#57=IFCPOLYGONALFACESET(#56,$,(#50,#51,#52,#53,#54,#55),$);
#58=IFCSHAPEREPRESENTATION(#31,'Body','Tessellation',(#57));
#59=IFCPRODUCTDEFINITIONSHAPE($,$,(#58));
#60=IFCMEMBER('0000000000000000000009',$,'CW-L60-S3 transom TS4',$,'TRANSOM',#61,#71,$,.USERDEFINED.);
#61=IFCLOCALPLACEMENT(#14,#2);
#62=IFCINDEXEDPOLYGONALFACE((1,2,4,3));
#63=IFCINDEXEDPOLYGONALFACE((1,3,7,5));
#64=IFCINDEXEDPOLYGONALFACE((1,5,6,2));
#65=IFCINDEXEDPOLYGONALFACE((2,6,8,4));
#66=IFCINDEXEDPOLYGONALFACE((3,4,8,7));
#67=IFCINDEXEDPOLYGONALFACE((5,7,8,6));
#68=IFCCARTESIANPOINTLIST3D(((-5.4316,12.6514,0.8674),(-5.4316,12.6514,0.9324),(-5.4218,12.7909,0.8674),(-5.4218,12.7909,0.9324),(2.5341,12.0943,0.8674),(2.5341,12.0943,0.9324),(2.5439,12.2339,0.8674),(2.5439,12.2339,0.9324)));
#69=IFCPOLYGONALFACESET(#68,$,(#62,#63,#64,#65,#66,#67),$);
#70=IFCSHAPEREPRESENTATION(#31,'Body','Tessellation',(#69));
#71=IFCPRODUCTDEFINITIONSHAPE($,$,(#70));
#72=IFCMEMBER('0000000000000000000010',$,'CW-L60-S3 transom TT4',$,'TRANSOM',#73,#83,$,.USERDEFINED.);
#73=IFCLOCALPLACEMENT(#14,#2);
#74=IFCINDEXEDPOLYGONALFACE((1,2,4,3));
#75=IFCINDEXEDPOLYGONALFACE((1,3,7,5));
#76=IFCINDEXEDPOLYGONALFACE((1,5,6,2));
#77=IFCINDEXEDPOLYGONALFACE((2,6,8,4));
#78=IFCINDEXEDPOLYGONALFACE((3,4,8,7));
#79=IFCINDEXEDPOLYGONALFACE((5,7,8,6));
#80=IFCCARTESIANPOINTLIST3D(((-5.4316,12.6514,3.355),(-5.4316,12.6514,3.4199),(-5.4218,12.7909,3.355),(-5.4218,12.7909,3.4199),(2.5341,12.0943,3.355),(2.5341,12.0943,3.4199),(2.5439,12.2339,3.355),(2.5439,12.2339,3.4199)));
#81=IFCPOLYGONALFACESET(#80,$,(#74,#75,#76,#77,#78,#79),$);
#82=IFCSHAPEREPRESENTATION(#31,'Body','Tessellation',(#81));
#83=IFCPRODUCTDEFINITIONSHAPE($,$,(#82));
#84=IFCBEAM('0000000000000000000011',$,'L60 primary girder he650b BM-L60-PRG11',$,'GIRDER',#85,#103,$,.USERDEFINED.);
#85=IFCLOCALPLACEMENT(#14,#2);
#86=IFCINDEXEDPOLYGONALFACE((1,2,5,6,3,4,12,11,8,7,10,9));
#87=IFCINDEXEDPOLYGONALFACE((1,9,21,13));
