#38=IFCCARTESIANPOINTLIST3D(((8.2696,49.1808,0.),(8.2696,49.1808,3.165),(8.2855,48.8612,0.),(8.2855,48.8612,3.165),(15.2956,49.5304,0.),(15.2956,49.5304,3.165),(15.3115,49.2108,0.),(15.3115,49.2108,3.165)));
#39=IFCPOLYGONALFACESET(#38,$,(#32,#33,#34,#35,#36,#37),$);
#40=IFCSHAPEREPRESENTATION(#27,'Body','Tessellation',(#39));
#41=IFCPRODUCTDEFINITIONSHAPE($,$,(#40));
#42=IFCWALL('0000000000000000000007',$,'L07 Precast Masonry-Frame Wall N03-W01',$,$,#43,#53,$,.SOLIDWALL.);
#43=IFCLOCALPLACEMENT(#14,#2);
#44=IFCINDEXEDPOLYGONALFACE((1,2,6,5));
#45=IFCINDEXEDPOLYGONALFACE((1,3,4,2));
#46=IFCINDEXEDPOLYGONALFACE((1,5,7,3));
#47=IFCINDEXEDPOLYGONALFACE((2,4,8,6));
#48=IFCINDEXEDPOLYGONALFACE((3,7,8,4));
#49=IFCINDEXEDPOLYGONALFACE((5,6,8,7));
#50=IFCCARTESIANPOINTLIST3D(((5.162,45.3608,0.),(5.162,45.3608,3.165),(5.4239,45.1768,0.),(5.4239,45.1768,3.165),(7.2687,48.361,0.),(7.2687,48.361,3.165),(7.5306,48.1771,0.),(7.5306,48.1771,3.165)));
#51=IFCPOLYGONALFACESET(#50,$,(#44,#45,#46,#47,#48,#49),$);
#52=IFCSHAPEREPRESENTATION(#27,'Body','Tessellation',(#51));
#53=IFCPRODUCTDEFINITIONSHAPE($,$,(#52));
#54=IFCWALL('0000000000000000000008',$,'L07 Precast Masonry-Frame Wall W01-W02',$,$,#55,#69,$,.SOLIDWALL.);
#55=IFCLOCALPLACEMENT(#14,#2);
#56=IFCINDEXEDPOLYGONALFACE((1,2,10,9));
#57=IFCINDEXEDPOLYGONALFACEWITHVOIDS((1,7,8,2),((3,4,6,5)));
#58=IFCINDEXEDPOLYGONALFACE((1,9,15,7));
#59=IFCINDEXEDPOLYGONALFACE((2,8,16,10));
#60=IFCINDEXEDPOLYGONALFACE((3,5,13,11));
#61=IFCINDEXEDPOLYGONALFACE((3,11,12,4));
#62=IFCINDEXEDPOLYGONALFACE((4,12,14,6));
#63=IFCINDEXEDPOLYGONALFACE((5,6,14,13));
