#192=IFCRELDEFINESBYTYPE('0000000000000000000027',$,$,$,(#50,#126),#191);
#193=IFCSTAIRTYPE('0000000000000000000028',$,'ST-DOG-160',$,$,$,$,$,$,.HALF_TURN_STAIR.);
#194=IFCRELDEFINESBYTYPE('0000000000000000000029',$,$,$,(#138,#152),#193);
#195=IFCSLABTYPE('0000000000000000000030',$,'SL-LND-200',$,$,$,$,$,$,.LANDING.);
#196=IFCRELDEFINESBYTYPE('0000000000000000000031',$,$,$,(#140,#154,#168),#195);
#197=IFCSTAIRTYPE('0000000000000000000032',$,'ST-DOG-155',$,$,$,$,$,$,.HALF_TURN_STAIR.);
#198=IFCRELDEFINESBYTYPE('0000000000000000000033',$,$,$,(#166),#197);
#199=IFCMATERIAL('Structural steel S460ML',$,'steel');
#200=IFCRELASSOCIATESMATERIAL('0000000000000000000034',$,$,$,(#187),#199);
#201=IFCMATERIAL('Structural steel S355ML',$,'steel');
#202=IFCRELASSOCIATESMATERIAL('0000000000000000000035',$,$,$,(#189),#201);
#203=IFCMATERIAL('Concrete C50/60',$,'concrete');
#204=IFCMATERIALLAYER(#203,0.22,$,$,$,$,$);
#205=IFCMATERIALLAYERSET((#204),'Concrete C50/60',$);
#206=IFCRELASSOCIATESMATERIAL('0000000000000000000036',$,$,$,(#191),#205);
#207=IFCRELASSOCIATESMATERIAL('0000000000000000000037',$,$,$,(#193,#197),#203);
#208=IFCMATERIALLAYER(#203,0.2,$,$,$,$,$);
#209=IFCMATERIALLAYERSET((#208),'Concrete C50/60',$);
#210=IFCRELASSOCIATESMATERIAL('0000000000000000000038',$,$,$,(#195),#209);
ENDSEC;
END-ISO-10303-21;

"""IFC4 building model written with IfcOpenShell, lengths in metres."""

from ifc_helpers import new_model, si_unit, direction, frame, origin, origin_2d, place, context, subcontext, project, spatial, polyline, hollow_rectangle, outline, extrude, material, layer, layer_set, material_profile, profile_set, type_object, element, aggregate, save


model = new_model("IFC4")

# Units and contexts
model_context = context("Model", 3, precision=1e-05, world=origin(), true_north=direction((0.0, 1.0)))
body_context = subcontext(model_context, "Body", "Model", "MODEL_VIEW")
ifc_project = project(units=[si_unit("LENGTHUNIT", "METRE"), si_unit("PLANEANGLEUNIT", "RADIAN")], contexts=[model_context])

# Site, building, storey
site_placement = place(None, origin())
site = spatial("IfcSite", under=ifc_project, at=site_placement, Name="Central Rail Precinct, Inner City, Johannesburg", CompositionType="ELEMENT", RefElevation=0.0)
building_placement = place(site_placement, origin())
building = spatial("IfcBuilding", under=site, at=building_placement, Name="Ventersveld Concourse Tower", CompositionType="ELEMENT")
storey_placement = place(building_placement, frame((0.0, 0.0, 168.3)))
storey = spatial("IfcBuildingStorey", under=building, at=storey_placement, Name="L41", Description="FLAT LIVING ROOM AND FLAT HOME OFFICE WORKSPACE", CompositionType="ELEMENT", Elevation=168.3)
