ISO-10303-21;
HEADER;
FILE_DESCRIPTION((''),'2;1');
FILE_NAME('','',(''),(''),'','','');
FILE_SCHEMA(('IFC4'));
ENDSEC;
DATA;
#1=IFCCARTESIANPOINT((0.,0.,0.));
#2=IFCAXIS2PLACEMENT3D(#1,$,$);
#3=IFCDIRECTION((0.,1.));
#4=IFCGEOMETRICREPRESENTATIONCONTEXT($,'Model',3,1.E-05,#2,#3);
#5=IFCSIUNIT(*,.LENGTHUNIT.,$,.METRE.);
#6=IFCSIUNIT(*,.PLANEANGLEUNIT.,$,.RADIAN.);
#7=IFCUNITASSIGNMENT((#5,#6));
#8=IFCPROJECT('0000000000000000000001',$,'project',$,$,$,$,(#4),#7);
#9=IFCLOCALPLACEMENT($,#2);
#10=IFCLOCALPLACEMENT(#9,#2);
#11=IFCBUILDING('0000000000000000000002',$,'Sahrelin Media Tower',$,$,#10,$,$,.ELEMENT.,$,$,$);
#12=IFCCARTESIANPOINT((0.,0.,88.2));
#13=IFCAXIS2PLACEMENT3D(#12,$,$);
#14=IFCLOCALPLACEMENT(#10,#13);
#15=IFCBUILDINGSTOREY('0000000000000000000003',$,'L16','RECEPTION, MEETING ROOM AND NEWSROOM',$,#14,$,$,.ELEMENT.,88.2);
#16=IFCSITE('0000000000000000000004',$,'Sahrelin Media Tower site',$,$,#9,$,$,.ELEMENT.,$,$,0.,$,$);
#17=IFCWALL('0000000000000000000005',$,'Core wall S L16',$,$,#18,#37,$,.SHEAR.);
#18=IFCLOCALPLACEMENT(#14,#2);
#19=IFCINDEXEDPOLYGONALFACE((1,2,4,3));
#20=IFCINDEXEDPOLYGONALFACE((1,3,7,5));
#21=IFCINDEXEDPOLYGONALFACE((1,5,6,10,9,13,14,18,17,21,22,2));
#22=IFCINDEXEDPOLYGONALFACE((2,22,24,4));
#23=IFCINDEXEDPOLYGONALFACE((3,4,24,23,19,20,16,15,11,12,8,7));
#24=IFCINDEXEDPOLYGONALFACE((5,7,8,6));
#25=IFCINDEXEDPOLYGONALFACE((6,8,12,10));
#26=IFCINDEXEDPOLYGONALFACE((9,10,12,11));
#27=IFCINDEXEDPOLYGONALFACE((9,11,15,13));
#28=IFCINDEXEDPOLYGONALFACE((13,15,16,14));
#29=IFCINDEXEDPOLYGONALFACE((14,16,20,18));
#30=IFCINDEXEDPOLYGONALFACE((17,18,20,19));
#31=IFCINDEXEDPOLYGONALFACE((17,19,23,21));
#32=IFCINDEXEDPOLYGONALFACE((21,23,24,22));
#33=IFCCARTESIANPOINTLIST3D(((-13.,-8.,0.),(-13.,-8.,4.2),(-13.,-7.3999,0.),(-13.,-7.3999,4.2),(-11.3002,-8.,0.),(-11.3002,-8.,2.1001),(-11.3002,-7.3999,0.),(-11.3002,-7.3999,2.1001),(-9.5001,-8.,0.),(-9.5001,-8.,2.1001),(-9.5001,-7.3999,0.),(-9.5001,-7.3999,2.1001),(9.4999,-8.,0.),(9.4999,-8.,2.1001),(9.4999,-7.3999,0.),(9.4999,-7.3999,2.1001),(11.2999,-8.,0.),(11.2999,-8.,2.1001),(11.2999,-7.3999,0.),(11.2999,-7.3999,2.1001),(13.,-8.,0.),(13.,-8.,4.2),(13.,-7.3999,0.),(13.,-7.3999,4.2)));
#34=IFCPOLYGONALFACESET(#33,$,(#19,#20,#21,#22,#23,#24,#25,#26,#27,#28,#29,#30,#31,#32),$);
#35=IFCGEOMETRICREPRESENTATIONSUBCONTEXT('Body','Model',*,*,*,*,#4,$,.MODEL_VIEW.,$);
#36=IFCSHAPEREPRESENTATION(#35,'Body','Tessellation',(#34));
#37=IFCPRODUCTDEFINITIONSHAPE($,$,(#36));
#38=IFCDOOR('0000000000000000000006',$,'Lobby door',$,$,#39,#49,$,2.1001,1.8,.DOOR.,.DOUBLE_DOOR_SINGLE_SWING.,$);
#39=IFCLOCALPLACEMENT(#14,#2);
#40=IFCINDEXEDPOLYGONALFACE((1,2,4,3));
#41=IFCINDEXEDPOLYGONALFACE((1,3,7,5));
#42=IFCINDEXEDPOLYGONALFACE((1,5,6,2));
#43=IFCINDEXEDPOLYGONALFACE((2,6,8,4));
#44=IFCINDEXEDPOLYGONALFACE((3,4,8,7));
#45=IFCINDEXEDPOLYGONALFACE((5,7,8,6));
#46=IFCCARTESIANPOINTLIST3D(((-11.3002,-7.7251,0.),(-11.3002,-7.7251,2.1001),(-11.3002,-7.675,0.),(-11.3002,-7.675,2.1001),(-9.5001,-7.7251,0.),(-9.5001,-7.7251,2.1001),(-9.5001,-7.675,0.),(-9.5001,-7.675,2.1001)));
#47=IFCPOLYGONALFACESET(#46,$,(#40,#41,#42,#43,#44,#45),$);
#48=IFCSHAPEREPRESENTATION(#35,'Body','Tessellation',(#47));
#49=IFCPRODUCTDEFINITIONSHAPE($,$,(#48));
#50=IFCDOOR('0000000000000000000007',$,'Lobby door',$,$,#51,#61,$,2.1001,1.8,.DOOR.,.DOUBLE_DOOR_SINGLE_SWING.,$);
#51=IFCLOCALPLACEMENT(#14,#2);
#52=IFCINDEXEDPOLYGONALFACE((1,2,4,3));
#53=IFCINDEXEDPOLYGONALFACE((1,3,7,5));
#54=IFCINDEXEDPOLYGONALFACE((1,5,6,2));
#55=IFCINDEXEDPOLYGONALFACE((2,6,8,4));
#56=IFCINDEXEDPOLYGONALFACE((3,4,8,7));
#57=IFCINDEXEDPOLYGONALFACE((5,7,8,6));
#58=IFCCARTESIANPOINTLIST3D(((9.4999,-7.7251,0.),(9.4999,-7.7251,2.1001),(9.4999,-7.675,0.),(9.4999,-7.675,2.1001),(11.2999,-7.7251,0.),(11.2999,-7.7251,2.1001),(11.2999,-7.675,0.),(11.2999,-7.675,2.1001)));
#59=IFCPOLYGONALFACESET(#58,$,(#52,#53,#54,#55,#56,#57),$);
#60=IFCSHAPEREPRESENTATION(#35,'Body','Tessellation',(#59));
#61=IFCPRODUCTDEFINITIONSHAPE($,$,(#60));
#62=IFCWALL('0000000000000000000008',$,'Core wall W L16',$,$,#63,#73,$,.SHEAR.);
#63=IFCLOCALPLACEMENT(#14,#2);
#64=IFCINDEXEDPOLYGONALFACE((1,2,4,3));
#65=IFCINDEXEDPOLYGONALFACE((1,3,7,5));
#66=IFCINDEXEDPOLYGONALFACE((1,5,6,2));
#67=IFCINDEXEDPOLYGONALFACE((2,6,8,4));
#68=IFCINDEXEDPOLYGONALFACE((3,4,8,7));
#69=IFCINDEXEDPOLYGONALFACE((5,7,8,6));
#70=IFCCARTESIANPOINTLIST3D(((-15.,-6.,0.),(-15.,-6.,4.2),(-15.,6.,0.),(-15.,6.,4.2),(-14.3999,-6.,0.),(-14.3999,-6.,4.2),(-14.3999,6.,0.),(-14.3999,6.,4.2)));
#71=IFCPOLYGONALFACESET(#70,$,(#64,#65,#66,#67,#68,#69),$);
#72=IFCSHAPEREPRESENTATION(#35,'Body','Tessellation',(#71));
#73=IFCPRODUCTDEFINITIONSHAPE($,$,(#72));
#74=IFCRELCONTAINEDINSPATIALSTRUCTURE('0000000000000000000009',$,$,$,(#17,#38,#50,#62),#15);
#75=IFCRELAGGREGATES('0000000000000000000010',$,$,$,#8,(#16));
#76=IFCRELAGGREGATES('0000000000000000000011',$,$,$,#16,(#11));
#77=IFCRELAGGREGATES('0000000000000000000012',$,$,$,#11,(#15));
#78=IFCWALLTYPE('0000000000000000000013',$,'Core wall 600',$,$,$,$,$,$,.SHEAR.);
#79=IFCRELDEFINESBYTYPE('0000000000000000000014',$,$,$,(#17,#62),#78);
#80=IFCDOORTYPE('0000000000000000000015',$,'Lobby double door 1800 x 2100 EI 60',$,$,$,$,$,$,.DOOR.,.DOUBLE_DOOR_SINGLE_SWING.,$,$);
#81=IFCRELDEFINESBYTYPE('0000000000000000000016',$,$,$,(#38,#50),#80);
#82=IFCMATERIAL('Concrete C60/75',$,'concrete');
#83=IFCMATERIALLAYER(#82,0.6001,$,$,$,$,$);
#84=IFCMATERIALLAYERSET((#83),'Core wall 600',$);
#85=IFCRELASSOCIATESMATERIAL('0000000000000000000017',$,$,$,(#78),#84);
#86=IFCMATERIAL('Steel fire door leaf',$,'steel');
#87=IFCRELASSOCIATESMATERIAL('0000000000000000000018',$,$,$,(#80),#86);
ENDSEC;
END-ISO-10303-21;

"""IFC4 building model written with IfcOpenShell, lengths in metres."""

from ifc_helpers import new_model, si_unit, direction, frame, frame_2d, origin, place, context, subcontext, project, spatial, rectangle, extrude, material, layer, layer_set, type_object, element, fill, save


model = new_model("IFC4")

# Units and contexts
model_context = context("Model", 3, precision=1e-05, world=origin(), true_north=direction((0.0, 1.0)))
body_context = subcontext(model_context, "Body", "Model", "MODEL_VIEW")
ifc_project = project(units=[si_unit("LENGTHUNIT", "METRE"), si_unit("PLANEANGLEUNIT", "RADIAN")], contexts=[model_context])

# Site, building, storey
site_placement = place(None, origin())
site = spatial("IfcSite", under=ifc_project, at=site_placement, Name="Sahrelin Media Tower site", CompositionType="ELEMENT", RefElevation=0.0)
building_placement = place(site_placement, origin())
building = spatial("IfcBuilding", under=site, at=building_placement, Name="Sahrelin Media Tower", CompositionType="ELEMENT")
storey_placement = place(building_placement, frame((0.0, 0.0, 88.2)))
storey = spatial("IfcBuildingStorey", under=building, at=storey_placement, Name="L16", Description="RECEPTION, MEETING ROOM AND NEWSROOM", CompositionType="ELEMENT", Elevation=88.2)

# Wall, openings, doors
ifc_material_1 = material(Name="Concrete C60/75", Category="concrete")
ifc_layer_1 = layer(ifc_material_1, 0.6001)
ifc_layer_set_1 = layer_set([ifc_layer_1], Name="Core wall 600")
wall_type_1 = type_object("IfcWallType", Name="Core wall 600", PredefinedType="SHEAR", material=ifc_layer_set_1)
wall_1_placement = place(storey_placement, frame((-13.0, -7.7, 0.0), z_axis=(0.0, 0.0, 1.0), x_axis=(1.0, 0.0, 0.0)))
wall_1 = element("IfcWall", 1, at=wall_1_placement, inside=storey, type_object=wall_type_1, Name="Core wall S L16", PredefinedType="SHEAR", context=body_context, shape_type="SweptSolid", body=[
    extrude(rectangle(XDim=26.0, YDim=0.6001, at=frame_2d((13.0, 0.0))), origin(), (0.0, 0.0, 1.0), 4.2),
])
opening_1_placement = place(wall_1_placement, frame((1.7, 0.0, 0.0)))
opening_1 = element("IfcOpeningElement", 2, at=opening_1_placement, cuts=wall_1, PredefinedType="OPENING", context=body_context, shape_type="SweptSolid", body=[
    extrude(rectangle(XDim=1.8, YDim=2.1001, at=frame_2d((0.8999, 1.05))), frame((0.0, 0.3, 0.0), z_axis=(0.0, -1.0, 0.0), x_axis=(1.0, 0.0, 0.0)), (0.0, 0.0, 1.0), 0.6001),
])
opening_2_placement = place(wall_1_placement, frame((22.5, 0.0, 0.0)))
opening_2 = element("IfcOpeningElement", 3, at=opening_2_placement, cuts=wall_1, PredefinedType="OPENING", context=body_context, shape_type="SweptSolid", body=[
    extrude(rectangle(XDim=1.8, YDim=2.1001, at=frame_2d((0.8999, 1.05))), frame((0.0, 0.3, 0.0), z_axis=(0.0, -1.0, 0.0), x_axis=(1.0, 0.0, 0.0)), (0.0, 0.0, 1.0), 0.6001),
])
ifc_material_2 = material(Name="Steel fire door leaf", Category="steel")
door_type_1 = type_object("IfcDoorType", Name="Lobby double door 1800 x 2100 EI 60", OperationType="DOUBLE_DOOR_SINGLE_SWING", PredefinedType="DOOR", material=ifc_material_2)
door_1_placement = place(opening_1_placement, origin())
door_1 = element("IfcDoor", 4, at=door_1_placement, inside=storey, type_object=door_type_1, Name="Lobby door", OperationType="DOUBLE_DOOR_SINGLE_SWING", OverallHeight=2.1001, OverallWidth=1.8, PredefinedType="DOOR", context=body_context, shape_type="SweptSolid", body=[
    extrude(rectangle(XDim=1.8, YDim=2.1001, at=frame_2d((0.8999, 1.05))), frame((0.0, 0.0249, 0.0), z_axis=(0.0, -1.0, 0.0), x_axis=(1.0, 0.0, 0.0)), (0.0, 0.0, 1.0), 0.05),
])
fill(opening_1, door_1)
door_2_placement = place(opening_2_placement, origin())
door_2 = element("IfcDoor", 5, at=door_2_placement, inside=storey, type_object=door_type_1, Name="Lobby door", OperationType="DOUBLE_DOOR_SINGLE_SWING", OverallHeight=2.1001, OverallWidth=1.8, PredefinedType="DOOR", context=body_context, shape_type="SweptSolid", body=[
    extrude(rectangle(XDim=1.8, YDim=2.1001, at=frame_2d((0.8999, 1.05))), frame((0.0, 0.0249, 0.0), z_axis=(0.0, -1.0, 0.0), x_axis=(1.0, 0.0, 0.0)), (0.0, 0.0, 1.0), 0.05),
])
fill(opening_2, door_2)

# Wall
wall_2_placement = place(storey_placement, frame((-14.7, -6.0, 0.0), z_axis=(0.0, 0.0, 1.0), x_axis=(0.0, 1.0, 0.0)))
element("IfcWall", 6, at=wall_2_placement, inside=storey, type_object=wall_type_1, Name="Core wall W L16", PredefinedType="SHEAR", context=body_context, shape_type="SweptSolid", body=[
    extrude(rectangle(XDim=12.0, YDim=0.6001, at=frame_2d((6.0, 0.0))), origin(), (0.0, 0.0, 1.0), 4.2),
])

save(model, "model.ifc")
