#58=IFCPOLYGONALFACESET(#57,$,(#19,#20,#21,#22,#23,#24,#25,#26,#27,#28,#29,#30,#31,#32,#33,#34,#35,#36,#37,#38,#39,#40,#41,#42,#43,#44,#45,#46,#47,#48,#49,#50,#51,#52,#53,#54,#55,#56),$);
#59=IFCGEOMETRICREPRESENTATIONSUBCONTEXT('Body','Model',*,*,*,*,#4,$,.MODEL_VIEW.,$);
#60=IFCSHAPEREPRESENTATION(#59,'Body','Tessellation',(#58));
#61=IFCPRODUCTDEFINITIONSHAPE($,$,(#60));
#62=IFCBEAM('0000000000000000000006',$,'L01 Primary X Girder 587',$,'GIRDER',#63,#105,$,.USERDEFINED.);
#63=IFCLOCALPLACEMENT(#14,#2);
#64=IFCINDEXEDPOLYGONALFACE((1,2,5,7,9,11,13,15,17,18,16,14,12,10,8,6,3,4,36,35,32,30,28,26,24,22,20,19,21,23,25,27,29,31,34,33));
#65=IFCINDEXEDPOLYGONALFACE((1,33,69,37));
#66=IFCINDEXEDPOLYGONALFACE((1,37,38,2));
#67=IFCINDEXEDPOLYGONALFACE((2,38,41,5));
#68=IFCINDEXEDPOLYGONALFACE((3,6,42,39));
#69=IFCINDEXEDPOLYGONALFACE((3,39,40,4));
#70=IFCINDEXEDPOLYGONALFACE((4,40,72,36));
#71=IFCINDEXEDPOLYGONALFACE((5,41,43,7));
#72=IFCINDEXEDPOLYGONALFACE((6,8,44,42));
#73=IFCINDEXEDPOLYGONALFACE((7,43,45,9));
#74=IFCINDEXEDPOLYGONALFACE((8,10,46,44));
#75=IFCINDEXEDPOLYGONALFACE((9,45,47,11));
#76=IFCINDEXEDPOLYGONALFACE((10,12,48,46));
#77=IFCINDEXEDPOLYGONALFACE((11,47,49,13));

* [What you will do] Where a line of the data holds the word "Precast", copy that line.

* [Problem solution]
#42=IFCWALL('0000000000000000000007',$,'L07 Precast Masonry-Frame Wall N03-W01',$,$,#43,#53,$,.SOLIDWALL.);
#54=IFCWALL('0000000000000000000008',$,'L07 Precast Masonry-Frame Wall W01-W02',$,$,#55,#69,$,.SOLIDWALL.);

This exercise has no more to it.